### What the task asks:
Across the records below, how many lines include the word "frame"? State only the number.

### Exercise material:
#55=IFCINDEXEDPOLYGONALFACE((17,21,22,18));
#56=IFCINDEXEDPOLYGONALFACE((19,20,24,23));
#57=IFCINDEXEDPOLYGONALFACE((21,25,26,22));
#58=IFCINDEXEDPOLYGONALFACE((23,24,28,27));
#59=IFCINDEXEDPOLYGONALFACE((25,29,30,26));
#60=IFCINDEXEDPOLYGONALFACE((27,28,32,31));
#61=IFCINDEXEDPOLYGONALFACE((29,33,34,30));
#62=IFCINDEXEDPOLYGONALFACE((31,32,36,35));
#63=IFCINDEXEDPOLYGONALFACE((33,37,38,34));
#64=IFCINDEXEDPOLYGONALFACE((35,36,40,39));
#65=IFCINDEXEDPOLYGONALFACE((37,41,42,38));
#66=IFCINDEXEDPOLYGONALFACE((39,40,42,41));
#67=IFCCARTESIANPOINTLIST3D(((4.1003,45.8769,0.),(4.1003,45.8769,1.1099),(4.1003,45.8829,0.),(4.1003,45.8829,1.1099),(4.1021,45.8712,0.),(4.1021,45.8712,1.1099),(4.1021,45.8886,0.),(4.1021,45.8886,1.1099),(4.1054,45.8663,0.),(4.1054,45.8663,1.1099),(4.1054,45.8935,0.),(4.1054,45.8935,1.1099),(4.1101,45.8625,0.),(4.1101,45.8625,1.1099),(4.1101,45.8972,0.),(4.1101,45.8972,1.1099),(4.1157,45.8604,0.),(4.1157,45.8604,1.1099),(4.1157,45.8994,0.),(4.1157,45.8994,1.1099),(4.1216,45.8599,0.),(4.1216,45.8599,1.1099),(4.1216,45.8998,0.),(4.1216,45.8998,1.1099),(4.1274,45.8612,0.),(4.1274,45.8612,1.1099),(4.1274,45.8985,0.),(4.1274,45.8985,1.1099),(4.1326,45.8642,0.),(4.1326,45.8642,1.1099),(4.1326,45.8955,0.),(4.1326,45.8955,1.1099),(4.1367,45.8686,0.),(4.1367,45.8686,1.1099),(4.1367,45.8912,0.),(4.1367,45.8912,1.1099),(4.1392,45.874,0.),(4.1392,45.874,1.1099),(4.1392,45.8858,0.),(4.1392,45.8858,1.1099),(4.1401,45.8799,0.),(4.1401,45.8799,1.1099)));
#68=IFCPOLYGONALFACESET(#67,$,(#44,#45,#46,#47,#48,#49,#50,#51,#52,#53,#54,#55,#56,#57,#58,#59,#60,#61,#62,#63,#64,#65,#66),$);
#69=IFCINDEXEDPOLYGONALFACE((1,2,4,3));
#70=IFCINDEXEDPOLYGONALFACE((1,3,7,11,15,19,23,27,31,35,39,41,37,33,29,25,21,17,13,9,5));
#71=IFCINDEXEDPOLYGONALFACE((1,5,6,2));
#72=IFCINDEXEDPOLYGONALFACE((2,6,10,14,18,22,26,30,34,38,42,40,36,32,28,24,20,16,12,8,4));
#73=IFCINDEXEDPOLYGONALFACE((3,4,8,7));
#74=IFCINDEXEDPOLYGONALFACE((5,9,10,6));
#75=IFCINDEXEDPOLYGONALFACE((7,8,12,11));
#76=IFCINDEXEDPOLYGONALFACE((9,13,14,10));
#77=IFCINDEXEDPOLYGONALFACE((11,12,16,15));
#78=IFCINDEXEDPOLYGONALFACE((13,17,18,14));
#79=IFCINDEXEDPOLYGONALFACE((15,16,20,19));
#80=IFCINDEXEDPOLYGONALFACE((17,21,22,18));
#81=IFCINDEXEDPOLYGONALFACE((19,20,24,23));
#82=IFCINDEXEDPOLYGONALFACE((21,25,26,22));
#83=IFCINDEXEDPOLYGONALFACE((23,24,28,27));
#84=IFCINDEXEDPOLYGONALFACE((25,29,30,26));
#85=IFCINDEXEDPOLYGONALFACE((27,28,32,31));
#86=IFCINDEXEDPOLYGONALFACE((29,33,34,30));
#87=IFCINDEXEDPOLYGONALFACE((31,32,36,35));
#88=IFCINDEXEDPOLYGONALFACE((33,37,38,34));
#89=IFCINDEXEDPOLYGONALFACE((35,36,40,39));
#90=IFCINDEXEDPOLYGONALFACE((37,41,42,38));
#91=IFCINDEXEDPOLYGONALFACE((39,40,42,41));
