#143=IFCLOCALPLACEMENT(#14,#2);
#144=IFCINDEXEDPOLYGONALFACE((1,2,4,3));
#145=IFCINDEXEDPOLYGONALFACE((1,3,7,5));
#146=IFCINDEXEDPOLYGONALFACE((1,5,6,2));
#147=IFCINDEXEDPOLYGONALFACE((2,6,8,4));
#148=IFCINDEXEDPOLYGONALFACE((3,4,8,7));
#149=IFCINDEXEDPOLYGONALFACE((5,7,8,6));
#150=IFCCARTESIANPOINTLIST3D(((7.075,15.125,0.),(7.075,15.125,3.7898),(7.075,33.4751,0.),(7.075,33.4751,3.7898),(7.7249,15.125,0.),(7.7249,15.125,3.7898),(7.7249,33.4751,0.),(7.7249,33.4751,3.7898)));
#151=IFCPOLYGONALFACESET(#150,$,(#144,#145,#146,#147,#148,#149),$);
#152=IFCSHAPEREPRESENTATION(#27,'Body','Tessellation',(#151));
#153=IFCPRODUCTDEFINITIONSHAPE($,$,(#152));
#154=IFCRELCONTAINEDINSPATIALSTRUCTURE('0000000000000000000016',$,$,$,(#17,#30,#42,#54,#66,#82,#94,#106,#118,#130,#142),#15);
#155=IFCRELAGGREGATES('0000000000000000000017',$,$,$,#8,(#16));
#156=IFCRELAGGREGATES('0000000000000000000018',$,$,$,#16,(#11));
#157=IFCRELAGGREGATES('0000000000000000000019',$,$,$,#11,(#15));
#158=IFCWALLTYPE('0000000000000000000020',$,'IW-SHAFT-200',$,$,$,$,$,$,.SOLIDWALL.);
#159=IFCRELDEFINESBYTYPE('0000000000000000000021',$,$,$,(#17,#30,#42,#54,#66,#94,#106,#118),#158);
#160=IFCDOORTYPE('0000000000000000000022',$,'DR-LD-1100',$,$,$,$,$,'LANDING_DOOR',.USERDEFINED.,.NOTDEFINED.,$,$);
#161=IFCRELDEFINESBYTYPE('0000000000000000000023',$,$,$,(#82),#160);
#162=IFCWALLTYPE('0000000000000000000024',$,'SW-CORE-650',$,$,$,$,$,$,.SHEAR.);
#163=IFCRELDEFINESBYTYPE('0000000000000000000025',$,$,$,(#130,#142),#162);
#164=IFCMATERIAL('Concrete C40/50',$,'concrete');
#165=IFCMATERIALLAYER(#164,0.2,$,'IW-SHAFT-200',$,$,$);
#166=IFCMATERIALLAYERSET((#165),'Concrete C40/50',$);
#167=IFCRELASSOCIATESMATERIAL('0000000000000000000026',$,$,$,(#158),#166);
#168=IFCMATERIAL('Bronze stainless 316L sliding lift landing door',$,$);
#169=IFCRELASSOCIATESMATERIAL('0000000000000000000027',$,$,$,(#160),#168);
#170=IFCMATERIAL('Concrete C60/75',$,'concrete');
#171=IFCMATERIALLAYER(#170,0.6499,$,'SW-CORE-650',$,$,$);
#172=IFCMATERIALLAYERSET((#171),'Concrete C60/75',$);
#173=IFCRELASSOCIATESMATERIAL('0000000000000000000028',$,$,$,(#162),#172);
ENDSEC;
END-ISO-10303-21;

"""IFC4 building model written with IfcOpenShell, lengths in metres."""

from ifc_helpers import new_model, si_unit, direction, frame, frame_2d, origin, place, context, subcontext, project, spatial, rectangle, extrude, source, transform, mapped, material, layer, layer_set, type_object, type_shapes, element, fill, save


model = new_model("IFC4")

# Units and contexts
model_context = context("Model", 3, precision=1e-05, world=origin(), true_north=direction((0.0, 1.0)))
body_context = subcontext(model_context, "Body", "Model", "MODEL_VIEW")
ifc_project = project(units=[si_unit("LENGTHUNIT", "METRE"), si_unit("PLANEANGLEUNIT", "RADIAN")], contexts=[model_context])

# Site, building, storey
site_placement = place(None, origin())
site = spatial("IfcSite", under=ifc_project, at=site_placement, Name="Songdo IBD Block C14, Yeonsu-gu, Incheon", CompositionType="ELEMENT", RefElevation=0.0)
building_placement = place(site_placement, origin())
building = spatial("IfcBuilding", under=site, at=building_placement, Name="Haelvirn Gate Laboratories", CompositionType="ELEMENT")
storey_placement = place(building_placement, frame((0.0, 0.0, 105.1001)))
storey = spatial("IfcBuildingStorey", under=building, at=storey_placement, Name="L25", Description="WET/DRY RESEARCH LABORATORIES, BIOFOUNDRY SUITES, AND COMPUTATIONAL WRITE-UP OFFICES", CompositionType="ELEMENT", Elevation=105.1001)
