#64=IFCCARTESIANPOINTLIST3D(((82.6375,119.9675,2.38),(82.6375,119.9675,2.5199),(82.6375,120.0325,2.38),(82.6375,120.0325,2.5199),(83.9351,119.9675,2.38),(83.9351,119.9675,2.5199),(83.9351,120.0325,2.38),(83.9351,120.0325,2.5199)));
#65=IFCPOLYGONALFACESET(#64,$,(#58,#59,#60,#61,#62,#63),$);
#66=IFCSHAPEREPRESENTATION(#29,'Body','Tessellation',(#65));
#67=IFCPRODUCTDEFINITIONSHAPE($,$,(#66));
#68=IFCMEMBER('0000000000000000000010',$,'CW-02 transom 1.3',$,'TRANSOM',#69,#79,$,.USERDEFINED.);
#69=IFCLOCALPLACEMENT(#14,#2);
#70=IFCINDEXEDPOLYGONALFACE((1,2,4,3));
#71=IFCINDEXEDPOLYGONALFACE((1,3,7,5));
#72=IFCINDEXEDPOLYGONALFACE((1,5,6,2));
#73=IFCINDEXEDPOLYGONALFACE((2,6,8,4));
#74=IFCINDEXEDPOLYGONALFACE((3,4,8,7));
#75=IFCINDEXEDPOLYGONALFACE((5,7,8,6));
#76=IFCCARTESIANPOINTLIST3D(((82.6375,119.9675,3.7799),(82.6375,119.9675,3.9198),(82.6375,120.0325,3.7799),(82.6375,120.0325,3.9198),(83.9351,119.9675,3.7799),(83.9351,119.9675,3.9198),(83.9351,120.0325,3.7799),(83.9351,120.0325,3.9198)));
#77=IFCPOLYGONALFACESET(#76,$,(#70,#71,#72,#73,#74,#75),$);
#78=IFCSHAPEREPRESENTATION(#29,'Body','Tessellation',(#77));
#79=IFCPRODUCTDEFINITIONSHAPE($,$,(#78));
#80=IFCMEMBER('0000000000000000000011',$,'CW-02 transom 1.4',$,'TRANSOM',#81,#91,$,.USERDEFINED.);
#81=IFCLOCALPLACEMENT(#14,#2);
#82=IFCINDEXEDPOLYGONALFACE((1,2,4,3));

### Response to the exercise:
2